Provided data:
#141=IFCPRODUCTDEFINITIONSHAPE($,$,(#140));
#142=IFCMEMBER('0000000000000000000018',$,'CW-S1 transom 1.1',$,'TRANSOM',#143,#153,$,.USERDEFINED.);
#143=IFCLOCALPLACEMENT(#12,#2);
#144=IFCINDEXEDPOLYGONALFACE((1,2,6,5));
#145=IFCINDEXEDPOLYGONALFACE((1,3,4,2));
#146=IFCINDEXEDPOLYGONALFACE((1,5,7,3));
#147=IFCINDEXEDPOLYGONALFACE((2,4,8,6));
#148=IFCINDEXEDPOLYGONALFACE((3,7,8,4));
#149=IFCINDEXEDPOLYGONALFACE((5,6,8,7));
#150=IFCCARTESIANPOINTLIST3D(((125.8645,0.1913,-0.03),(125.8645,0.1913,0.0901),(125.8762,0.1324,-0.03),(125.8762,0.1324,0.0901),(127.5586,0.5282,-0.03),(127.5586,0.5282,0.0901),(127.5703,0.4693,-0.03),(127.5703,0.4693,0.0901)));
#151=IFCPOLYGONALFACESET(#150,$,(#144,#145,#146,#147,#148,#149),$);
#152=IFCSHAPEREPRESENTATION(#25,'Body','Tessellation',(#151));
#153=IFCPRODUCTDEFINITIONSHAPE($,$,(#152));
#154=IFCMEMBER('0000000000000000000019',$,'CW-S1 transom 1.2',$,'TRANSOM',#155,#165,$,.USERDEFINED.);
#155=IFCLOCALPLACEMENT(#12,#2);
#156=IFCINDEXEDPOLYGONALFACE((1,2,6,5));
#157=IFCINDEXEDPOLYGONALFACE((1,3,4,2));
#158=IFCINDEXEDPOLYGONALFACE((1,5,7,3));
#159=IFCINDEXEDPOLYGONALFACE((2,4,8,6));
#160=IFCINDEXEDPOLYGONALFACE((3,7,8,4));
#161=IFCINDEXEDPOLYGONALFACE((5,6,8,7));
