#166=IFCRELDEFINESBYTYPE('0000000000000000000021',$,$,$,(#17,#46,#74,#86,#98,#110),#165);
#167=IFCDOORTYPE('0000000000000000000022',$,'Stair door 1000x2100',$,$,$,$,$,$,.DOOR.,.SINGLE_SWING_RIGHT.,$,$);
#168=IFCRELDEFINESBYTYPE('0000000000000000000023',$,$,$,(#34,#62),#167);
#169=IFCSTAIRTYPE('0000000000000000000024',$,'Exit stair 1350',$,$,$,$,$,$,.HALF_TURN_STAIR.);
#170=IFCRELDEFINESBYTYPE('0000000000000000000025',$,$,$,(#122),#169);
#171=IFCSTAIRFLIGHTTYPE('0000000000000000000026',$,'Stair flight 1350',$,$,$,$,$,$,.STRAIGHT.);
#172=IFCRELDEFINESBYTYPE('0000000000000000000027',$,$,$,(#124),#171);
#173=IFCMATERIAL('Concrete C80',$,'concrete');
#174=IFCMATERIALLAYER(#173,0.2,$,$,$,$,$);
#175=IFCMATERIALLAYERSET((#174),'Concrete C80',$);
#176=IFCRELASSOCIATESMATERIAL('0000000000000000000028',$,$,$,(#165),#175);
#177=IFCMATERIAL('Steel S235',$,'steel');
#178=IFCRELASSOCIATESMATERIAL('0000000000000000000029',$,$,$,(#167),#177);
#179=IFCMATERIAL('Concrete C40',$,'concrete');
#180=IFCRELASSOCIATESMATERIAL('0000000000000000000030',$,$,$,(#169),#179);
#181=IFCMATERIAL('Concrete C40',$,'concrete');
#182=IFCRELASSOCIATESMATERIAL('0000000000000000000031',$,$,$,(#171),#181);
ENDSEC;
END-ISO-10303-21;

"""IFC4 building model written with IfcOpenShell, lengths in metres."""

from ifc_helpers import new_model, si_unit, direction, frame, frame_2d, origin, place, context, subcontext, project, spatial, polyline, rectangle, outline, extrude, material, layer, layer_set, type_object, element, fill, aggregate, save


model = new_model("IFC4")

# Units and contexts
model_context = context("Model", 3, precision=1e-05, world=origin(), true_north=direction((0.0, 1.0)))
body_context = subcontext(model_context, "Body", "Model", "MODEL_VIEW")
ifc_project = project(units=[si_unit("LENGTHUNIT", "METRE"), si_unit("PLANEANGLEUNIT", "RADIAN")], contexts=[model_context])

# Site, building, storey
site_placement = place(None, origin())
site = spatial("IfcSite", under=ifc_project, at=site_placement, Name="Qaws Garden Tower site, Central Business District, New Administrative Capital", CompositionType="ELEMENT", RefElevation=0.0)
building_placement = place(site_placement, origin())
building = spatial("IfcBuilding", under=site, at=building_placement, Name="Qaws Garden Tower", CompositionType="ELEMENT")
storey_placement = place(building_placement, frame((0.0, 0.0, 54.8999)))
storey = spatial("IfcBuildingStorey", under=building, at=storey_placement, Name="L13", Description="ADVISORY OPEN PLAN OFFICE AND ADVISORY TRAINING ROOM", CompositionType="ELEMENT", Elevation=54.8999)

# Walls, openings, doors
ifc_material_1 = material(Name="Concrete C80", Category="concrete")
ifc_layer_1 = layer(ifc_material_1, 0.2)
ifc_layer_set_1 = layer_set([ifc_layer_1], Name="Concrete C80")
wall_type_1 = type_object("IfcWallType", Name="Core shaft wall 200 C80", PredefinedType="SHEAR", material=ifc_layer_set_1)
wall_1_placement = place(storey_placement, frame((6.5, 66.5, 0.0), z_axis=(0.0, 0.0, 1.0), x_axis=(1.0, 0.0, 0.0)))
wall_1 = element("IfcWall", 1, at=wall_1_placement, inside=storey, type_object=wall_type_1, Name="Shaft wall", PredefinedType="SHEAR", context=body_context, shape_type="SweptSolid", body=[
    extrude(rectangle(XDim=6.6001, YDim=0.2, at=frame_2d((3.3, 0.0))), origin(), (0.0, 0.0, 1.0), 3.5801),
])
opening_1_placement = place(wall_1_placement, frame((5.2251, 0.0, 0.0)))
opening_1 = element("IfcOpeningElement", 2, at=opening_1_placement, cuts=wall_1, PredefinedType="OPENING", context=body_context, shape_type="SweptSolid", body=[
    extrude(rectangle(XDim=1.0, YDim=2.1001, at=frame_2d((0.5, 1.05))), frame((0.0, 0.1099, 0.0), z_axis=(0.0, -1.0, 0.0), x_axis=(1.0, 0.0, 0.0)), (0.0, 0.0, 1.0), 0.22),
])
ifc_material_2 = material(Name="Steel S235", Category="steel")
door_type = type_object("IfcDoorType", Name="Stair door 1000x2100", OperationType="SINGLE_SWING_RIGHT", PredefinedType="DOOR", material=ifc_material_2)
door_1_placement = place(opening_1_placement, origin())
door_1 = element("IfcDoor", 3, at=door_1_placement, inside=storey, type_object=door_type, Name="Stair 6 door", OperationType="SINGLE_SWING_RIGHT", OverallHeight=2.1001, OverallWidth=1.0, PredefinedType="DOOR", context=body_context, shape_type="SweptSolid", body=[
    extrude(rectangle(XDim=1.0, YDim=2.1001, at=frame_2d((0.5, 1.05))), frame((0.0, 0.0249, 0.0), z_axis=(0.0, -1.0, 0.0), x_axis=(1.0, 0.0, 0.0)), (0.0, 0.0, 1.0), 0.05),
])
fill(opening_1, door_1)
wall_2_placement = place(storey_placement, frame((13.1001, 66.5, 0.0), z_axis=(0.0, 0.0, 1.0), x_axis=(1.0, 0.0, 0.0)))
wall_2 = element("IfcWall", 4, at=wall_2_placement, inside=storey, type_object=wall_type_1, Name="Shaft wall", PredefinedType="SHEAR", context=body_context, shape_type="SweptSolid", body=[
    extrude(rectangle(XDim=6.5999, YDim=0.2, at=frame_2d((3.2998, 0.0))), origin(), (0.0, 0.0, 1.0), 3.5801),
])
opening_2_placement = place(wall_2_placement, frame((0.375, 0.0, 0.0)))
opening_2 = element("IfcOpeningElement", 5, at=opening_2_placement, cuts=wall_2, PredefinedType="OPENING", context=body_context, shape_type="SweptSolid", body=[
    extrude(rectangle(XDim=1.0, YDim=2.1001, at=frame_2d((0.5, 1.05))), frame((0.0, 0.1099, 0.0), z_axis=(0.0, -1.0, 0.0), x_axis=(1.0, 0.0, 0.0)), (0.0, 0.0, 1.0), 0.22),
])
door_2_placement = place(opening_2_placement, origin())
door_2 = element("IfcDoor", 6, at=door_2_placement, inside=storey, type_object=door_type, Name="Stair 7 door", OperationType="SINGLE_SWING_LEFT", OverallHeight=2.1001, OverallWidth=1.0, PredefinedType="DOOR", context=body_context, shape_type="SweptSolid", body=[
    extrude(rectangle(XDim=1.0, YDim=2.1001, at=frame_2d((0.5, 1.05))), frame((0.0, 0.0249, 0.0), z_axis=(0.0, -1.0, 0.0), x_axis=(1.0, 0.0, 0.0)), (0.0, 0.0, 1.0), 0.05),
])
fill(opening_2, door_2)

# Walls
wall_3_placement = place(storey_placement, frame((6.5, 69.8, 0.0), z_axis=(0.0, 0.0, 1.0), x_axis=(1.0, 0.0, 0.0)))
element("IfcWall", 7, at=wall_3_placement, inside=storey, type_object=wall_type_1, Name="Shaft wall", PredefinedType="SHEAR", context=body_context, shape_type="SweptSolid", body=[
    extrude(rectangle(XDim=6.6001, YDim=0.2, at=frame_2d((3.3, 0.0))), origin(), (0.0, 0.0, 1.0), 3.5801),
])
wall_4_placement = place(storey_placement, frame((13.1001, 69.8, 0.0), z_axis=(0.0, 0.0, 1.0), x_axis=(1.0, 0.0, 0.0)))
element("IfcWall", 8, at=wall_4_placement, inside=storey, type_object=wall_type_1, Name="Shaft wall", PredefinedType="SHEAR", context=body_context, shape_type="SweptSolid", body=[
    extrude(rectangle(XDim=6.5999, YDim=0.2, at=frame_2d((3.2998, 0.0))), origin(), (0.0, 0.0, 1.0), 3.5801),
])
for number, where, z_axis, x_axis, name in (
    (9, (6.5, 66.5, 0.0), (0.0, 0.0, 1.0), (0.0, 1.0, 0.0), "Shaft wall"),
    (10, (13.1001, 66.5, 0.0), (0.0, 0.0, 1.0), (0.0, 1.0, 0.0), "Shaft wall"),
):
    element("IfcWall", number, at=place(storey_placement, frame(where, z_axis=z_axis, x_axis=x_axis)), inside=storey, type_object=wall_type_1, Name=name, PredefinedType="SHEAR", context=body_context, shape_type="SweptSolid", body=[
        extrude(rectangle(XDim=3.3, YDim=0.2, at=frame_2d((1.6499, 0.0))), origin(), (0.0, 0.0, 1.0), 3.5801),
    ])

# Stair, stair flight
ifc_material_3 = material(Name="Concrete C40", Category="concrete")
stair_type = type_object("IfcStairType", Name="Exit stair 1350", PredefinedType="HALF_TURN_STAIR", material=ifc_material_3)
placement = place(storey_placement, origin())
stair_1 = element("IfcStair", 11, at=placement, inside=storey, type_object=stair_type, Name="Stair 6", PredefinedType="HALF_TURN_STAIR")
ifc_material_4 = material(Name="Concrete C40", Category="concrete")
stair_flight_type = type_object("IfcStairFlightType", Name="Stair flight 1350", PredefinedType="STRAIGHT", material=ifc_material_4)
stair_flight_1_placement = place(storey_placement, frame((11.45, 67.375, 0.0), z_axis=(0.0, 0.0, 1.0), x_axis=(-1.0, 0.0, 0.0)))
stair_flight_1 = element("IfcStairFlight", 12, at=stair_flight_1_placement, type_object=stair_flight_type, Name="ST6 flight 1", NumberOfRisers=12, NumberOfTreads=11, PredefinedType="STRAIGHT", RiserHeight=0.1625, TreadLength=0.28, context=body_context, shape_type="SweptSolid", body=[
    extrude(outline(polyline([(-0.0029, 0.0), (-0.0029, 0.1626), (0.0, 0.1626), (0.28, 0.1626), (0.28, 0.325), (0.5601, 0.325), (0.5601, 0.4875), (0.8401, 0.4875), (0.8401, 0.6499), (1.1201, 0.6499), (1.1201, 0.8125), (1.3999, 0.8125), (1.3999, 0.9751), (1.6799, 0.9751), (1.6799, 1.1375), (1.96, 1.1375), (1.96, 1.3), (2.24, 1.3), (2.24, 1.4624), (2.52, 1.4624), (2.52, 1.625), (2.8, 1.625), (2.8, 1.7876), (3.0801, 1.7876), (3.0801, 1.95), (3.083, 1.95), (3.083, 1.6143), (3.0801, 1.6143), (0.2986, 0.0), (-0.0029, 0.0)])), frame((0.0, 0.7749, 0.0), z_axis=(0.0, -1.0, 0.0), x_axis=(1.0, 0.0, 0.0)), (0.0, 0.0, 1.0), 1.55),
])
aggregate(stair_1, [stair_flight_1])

Aim of the exercise:
From the data above, reproduce word for word the lines running from the line with "#144=IFCINDEXEDPOLYGONALFACE((1,2,6,5));" to the line with "#149=IFCINDEXEDPOLYGONALFACE((5,6,8,7));", ends included.

Answer area:
#144=IFCINDEXEDPOLYGONALFACE((1,2,6,5));
#145=IFCINDEXEDPOLYGONALFACE((1,3,4,2));
#146=IFCINDEXEDPOLYGONALFACE((1,5,7,3));
#147=IFCINDEXEDPOLYGONALFACE((2,4,8,6));
#148=IFCINDEXEDPOLYGONALFACE((3,7,8,4));
#149=IFCINDEXEDPOLYGONALFACE((5,6,8,7));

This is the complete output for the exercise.